**WHAT IS REQUIRED:** Run through the records and, wherever a line holds the word "Aluminium", return that line.

--- SUPPLIED RECORDS Enclosed Below ---

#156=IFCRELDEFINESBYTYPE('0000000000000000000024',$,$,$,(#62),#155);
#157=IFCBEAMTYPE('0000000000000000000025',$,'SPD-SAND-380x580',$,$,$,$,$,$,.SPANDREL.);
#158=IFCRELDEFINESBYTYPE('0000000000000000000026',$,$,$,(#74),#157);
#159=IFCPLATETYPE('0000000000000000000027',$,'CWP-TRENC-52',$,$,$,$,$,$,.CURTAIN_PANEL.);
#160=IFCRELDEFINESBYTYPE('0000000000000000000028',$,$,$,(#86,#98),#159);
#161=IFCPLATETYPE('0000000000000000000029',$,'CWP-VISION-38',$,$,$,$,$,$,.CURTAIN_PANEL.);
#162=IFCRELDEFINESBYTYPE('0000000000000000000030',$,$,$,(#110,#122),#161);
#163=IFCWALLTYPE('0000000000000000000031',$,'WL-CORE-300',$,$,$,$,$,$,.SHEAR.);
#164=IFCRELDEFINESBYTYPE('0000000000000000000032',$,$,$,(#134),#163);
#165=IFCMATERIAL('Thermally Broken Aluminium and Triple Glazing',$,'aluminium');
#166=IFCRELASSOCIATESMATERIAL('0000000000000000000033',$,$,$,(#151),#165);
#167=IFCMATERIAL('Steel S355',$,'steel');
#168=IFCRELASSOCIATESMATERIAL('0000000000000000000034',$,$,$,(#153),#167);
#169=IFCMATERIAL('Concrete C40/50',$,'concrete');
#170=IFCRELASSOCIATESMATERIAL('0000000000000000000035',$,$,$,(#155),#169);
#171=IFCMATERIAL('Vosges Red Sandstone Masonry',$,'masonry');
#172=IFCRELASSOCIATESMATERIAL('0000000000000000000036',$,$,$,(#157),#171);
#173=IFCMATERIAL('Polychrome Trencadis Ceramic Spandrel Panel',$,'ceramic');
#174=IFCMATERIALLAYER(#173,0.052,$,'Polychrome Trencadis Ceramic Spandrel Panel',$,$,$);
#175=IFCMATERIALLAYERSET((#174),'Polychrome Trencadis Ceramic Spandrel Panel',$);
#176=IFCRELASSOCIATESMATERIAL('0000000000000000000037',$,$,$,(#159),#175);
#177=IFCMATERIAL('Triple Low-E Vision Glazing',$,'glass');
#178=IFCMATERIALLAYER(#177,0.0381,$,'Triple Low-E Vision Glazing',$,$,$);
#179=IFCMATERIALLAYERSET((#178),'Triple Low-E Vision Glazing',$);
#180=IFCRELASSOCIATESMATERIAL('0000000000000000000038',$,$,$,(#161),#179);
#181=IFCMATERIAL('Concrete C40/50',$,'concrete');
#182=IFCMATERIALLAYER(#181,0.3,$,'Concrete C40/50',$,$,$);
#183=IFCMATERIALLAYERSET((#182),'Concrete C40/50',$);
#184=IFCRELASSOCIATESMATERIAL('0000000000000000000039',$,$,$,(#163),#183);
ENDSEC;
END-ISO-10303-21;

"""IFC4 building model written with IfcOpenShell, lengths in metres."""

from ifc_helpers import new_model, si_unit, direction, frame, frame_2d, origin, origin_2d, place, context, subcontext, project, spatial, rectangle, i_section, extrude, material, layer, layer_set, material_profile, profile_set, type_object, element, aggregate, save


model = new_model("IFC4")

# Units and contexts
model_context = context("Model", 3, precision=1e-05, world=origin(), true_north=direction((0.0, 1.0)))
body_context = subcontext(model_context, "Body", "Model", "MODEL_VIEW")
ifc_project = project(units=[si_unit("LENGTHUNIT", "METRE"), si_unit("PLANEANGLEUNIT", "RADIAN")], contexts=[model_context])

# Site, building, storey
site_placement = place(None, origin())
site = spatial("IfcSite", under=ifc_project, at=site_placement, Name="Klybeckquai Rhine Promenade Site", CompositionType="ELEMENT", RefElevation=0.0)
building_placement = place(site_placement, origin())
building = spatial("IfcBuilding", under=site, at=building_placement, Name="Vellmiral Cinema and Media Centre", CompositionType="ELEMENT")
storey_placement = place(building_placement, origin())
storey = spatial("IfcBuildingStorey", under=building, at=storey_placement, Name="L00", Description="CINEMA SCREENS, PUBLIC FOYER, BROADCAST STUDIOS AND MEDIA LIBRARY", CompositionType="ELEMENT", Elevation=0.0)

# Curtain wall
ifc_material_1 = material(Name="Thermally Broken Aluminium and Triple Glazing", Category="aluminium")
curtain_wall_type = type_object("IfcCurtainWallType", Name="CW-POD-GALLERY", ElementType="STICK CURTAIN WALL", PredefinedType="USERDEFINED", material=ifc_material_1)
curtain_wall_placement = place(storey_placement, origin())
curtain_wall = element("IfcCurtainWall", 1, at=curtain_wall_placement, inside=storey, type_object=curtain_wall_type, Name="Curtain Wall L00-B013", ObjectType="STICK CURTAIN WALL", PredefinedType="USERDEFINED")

--- End of Enclosed SUPPLIED RECORDS ---

**RESULT FOR THIS EXERCISE:**
#165=IFCMATERIAL('Thermally Broken Aluminium and Triple Glazing',$,'aluminium');
ifc_material_1 = material(Name="Thermally Broken Aluminium and Triple Glazing", Category="aluminium")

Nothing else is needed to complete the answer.